(Records excerpted from a collection)
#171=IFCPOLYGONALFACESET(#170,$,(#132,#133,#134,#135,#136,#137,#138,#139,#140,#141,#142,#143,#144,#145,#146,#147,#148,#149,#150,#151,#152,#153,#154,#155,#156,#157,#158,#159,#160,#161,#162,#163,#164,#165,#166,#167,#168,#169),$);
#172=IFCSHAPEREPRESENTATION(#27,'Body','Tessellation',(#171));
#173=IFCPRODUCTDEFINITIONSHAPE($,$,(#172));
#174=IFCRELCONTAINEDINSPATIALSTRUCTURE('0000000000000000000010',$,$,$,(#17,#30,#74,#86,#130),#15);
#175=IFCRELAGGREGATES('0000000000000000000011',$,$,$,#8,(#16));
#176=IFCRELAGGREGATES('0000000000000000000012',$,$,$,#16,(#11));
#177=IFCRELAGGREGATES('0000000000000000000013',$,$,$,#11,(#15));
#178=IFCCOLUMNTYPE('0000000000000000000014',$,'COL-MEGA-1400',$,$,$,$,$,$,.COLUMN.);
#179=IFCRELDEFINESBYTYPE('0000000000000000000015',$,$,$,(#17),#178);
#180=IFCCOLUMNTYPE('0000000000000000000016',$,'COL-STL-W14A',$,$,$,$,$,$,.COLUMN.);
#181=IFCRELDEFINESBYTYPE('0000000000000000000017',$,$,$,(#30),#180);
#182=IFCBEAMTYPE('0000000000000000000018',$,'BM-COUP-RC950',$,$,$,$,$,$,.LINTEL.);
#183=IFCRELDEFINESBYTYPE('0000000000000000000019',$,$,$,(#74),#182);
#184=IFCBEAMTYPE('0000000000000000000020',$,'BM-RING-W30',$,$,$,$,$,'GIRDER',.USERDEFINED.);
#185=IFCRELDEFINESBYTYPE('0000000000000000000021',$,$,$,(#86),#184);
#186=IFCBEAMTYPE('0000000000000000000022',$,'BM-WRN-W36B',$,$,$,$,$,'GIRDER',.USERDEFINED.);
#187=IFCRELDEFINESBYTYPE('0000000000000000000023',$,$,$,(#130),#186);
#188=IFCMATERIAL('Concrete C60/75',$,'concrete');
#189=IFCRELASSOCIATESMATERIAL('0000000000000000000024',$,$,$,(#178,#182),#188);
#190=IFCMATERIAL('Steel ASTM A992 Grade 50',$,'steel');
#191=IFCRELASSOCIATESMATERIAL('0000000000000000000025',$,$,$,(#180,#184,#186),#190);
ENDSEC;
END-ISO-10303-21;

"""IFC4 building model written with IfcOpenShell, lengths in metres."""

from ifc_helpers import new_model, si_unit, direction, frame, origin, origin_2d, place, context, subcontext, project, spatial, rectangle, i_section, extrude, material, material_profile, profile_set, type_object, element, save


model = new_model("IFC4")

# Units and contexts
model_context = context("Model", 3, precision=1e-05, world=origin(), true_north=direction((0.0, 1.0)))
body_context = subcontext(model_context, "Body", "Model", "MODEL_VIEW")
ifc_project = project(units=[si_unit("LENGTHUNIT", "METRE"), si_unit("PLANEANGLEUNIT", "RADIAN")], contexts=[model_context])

What you have to do
Say how many lines above include "GIRDER". The number alone is the answer.

The answer
2